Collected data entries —
—————
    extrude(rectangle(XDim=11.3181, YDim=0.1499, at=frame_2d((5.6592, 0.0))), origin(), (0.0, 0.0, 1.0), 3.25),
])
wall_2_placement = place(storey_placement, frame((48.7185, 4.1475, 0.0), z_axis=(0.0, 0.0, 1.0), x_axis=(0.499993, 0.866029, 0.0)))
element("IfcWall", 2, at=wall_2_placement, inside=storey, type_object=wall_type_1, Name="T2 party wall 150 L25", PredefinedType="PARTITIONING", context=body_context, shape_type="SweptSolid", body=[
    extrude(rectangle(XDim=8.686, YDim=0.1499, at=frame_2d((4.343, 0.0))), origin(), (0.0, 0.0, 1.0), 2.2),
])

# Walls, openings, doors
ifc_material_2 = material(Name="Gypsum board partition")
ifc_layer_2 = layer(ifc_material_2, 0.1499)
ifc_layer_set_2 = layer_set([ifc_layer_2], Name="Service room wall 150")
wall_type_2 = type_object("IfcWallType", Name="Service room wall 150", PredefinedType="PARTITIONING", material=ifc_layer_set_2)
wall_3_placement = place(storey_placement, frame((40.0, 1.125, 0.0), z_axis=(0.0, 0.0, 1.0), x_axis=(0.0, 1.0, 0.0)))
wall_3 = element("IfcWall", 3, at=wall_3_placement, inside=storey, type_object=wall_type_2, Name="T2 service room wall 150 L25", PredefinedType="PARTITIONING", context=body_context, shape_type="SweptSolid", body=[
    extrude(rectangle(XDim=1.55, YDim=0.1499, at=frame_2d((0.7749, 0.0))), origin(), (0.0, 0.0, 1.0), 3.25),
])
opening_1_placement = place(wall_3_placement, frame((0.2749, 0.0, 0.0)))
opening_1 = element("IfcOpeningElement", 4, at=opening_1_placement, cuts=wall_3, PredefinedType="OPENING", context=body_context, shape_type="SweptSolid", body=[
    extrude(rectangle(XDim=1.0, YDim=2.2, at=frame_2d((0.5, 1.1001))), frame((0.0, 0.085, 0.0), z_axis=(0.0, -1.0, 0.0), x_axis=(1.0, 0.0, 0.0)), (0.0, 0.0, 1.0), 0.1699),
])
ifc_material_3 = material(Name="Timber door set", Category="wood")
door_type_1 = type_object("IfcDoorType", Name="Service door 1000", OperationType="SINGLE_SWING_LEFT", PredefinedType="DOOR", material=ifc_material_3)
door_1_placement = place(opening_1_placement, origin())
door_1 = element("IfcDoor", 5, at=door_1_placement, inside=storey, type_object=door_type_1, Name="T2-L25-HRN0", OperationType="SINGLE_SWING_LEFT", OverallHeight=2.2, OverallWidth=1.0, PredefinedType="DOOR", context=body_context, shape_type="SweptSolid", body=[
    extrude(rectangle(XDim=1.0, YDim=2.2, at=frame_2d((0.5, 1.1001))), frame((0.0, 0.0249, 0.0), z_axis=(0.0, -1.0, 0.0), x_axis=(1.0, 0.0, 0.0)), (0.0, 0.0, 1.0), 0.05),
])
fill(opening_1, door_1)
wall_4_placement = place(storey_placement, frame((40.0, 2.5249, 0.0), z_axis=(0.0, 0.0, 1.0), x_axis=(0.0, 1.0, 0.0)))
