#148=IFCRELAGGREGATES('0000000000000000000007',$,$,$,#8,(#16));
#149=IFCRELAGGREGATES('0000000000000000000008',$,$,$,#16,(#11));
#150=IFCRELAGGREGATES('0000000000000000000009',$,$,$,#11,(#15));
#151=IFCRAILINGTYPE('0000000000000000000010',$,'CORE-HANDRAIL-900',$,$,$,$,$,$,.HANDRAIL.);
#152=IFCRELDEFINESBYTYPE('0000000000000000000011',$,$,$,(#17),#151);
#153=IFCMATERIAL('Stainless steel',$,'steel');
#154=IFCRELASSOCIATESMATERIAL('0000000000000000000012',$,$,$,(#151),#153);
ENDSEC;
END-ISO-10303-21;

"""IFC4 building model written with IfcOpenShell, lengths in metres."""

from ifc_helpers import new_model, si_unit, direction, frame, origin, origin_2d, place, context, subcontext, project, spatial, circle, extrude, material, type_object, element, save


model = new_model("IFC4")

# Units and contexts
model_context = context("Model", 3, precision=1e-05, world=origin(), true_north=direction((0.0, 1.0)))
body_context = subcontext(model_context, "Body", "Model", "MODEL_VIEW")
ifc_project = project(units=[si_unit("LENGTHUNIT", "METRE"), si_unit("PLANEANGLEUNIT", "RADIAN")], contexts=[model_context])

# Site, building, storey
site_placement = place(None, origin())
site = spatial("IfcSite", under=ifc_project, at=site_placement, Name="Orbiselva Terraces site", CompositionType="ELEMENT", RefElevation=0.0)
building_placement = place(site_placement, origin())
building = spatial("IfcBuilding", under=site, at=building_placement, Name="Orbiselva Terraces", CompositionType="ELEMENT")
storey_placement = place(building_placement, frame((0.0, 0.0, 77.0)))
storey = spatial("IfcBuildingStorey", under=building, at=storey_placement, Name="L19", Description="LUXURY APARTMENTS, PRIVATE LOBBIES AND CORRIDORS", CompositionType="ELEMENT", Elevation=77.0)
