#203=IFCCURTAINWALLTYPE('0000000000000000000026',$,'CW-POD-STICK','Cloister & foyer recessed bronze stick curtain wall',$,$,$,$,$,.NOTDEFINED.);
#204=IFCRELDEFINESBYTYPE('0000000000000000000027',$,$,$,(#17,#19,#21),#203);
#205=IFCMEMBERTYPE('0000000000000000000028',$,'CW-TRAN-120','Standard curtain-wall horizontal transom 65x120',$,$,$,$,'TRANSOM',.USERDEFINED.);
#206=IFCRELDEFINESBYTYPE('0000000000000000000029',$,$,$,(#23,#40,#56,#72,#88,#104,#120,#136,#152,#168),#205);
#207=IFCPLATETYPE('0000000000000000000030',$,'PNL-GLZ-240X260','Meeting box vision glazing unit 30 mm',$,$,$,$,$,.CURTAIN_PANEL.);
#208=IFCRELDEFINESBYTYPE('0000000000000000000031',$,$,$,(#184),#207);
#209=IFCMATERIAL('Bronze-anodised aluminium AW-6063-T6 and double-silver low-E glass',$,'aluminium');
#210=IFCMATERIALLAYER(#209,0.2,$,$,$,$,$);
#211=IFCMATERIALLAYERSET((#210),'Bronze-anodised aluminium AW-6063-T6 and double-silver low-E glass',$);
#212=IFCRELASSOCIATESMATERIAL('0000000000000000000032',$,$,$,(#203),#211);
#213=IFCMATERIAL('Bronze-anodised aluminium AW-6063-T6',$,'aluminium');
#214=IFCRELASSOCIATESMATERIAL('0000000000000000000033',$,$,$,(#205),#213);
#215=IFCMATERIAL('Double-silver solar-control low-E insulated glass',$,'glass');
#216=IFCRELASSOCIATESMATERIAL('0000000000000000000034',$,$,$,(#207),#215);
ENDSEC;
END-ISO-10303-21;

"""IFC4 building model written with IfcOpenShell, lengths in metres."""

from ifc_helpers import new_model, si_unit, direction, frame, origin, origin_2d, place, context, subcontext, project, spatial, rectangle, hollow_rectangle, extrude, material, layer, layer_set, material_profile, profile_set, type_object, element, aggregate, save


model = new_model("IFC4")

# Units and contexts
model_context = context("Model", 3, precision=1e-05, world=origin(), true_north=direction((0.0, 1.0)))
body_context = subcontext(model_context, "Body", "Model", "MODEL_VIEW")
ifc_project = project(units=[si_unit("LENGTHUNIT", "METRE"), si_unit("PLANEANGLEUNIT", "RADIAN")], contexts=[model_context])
—————
Your instructions —
Repeat exactly the lines of the data from the first one through the line with "x_axis=(0.499993, 0.866029, 0.0)))", both of them included.

Solution —
    extrude(rectangle(XDim=11.3181, YDim=0.1499, at=frame_2d((5.6592, 0.0))), origin(), (0.0, 0.0, 1.0), 3.25),
])
wall_2_placement = place(storey_placement, frame((48.7185, 4.1475, 0.0), z_axis=(0.0, 0.0, 1.0), x_axis=(0.499993, 0.866029, 0.0)))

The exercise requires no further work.